**How to complete this task**.
Scan the records below for the line containing "#34=IFCINDEXEDPOLYGONALFACE((1,5,6,2));" and the line containing "#47=IFCINDEXEDPOLYGONALFACE((2,6,8,4));". Copy both, plus every line between, exactly.

Working data START

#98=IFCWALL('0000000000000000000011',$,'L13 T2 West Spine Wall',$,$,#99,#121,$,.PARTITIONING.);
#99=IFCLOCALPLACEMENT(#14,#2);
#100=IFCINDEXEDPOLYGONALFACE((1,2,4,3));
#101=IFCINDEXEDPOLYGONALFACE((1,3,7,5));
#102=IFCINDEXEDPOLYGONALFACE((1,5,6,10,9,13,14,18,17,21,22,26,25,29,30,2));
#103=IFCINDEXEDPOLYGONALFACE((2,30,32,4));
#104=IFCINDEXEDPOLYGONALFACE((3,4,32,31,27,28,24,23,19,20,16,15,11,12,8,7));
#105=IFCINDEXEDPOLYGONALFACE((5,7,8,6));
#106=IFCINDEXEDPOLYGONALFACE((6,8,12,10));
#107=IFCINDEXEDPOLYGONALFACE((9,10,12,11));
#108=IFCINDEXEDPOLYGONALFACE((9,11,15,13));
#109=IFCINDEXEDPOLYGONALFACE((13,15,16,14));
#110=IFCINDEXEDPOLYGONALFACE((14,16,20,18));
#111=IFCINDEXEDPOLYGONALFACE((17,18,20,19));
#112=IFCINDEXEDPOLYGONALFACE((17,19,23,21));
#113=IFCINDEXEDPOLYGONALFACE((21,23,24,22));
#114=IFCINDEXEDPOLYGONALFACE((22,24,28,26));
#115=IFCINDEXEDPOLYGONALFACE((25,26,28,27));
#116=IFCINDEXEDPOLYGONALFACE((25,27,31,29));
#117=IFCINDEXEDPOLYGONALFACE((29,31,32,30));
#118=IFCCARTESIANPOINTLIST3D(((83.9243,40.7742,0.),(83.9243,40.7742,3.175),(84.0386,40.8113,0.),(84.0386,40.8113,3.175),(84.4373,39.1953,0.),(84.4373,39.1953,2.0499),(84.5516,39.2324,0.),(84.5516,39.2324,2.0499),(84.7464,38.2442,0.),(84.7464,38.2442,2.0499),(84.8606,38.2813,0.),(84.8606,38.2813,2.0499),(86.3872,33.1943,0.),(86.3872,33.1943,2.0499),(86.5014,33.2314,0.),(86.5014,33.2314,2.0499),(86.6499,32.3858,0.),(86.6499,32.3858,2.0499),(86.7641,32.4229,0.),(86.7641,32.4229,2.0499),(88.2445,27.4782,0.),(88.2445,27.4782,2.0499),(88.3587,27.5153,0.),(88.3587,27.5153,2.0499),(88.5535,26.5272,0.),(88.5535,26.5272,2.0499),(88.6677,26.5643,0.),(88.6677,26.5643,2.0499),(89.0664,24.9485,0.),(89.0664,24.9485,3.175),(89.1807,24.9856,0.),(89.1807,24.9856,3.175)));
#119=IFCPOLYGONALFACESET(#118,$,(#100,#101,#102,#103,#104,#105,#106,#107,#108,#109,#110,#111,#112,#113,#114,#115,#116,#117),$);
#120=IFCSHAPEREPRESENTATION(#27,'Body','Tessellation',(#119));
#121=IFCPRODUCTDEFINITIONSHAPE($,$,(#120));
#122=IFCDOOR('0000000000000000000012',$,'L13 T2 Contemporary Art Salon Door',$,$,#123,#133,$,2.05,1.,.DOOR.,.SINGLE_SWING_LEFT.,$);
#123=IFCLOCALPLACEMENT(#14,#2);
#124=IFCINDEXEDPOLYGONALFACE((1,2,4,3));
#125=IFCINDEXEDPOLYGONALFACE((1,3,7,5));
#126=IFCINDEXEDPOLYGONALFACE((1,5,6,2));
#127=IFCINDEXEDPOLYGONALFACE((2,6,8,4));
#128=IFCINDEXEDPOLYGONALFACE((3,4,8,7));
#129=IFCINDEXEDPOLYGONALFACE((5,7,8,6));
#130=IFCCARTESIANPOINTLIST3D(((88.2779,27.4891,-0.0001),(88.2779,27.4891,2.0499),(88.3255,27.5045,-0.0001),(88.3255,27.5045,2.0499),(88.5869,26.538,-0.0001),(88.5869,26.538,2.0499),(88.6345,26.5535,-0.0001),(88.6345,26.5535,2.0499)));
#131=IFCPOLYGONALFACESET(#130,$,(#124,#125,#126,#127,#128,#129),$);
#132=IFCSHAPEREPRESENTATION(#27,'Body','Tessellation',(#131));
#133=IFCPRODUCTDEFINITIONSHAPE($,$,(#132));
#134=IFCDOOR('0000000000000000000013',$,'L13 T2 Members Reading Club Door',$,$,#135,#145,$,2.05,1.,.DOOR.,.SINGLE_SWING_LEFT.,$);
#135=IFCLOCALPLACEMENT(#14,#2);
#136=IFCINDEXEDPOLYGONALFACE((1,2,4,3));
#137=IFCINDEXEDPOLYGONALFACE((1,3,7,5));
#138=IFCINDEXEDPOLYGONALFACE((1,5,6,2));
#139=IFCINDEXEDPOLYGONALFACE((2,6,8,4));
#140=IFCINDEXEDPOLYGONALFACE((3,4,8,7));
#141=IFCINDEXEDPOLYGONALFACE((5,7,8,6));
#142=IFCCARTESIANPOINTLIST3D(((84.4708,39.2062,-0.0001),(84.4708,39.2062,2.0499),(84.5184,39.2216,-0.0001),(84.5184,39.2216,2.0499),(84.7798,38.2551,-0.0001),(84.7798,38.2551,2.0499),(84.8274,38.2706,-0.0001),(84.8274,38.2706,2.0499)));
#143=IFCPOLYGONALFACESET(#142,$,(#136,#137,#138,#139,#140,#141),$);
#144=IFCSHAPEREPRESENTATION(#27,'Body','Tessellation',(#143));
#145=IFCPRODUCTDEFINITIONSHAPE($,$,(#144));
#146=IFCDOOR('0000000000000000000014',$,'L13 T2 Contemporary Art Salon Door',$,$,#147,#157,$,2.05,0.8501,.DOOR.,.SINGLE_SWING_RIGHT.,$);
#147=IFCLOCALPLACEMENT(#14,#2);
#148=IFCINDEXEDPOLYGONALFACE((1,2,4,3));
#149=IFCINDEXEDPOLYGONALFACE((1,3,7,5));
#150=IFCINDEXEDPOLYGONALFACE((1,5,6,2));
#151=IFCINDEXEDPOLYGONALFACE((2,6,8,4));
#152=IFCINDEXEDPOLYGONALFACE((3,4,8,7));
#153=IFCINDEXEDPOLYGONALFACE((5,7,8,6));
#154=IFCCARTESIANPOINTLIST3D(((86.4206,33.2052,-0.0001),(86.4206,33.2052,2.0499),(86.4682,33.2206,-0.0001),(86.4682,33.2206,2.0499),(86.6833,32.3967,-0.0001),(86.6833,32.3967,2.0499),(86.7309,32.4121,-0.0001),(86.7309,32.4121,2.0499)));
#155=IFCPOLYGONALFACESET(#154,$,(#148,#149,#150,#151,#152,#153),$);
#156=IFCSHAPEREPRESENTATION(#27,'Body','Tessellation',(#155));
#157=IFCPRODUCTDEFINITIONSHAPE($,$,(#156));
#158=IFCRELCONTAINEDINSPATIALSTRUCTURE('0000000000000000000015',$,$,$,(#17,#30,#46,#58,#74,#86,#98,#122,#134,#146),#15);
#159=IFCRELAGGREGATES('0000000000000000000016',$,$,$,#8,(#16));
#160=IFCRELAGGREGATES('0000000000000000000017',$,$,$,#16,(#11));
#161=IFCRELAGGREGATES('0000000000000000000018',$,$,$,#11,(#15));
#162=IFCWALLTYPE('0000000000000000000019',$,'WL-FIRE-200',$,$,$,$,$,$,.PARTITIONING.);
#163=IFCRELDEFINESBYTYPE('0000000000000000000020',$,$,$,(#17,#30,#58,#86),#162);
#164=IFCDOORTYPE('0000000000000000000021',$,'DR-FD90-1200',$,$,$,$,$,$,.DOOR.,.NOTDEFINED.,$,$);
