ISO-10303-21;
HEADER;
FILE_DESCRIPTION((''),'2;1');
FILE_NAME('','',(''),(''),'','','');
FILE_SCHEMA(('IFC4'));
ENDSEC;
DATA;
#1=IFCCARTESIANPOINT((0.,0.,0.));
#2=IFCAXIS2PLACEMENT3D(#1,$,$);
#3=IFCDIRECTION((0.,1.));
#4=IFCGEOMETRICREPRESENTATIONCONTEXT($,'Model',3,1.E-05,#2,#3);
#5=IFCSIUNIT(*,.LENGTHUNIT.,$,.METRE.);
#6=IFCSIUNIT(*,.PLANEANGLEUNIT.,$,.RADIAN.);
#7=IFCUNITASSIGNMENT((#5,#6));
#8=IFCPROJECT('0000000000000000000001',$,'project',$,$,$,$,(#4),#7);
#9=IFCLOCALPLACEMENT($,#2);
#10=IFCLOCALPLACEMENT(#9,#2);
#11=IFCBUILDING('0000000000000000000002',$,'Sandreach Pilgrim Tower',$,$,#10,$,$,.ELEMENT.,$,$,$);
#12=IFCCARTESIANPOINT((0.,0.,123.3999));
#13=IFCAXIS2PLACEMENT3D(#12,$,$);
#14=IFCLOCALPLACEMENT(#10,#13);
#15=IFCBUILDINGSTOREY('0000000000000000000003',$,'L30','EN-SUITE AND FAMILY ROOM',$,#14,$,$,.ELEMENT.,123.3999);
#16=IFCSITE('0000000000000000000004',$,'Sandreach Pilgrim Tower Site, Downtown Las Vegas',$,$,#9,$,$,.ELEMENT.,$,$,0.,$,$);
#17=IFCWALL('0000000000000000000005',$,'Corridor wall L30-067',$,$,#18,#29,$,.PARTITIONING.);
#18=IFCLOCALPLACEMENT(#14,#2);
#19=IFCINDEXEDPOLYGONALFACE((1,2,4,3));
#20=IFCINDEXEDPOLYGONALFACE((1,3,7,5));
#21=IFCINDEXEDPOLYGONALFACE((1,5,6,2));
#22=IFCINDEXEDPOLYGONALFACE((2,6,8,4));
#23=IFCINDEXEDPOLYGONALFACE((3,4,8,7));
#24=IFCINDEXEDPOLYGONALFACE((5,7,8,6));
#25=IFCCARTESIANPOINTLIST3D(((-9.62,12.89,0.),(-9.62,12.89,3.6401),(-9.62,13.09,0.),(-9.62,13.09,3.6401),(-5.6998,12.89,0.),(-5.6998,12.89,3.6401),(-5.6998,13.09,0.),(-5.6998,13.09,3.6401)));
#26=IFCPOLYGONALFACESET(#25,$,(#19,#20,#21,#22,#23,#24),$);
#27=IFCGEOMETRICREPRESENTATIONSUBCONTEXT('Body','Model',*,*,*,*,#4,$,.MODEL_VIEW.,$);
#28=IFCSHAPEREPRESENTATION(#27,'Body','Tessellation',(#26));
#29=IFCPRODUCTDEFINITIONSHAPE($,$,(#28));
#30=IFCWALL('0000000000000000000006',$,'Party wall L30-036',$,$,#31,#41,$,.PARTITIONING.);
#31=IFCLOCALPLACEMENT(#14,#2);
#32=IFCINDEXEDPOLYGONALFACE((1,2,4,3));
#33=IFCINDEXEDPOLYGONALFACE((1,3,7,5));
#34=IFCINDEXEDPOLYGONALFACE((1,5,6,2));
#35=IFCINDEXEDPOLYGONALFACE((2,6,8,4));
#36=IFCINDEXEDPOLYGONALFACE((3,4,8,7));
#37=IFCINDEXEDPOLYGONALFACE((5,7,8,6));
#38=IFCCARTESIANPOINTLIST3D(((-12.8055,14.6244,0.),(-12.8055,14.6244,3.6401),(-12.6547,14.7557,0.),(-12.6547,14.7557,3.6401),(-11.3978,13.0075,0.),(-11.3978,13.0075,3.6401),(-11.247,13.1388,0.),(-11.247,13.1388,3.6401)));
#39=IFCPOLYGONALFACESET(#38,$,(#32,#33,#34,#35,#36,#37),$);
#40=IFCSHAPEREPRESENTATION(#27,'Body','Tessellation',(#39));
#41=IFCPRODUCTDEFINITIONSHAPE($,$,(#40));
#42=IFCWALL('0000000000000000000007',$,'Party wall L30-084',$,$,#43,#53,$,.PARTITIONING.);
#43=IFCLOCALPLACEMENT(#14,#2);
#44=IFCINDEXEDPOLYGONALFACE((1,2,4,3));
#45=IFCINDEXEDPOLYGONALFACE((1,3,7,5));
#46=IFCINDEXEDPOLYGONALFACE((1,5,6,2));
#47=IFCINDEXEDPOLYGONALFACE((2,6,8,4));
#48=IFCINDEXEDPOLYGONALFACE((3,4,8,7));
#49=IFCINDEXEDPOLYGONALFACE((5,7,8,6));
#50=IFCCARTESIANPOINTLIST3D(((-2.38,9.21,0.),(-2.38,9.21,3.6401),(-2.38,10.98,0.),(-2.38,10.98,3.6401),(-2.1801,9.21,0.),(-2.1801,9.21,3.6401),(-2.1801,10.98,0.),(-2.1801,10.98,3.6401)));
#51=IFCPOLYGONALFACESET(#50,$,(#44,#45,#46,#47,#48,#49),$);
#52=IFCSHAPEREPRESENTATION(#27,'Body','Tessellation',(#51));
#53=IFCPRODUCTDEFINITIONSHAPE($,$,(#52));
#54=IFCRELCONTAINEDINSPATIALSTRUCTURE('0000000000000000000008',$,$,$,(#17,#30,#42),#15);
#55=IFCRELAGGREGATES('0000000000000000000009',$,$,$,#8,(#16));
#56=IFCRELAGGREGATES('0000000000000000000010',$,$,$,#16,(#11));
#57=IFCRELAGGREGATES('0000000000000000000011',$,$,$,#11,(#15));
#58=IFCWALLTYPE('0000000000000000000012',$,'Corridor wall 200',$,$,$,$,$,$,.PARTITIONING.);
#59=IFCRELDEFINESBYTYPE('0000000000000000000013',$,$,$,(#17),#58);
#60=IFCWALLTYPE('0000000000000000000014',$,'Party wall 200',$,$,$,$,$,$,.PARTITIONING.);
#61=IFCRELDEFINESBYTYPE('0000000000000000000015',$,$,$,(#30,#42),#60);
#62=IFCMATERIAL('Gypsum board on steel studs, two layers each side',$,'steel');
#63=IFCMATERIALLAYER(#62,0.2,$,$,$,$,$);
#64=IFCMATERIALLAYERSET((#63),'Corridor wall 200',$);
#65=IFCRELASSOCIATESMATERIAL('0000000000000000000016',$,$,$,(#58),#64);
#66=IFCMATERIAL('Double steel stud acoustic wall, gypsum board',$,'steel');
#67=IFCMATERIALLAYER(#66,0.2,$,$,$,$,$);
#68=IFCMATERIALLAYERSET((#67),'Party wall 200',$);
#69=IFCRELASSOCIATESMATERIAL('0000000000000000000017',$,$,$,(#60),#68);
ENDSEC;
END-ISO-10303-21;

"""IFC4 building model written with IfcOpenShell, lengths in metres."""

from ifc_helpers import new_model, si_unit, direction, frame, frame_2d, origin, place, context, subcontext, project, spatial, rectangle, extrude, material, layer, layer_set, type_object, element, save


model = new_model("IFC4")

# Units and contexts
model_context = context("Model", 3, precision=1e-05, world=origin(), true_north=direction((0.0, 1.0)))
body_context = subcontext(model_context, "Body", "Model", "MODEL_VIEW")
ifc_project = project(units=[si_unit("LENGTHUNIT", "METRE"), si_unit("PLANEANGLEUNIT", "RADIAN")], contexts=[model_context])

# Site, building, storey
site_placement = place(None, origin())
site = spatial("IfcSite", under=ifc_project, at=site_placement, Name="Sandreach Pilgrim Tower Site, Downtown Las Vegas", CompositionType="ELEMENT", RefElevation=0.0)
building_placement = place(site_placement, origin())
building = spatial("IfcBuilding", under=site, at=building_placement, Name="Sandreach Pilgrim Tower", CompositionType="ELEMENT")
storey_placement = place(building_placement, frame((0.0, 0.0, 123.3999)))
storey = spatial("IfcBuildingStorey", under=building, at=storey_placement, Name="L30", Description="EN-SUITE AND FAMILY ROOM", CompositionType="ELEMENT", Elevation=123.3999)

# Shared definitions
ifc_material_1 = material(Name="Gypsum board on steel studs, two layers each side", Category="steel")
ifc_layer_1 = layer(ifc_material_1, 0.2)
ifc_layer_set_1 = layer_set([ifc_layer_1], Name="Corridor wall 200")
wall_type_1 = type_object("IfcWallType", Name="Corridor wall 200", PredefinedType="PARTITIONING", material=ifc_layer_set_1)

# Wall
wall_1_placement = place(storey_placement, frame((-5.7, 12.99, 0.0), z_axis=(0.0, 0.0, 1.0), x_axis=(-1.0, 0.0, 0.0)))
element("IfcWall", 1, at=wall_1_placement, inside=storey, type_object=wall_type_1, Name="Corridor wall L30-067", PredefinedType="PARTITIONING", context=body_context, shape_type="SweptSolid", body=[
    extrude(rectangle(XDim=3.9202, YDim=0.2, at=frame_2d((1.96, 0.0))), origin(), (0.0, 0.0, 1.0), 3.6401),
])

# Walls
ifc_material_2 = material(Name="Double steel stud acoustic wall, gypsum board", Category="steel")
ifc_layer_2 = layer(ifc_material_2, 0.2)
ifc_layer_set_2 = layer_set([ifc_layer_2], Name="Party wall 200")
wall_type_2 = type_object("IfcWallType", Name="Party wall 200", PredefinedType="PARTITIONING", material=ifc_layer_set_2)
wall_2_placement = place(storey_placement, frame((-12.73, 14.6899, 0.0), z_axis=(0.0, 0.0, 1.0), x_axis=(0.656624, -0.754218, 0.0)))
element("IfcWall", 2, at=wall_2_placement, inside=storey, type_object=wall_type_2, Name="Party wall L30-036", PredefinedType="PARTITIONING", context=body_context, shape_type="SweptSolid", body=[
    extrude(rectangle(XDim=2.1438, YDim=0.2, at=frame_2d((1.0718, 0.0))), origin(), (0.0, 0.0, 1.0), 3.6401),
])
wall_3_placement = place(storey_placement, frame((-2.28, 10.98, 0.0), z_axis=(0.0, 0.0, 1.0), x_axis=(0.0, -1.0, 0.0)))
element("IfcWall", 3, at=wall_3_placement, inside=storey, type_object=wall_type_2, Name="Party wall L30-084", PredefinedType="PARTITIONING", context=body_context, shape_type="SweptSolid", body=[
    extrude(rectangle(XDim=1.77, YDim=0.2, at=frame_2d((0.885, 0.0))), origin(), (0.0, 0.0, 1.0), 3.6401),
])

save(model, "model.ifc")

Working data END

**Response area**.
#34=IFCINDEXEDPOLYGONALFACE((1,5,6,2));
#35=IFCINDEXEDPOLYGONALFACE((2,6,8,4));
#36=IFCINDEXEDPOLYGONALFACE((3,4,8,7));
#37=IFCINDEXEDPOLYGONALFACE((5,7,8,6));
#38=IFCCARTESIANPOINTLIST3D(((-12.8055,14.6244,0.),(-12.8055,14.6244,3.6401),(-12.6547,14.7557,0.),(-12.6547,14.7557,3.6401),(-11.3978,13.0075,0.),(-11.3978,13.0075,3.6401),(-11.247,13.1388,0.),(-11.247,13.1388,3.6401)));
#39=IFCPOLYGONALFACESET(#38,$,(#32,#33,#34,#35,#36,#37),$);
#40=IFCSHAPEREPRESENTATION(#27,'Body','Tessellation',(#39));
#41=IFCPRODUCTDEFINITIONSHAPE($,$,(#40));
#42=IFCWALL('0000000000000000000007',$,'Party wall L30-084',$,$,#43,#53,$,.PARTITIONING.);
#43=IFCLOCALPLACEMENT(#14,#2);
#44=IFCINDEXEDPOLYGONALFACE((1,2,4,3));
#45=IFCINDEXEDPOLYGONALFACE((1,3,7,5));
#46=IFCINDEXEDPOLYGONALFACE((1,5,6,2));
#47=IFCINDEXEDPOLYGONALFACE((2,6,8,4));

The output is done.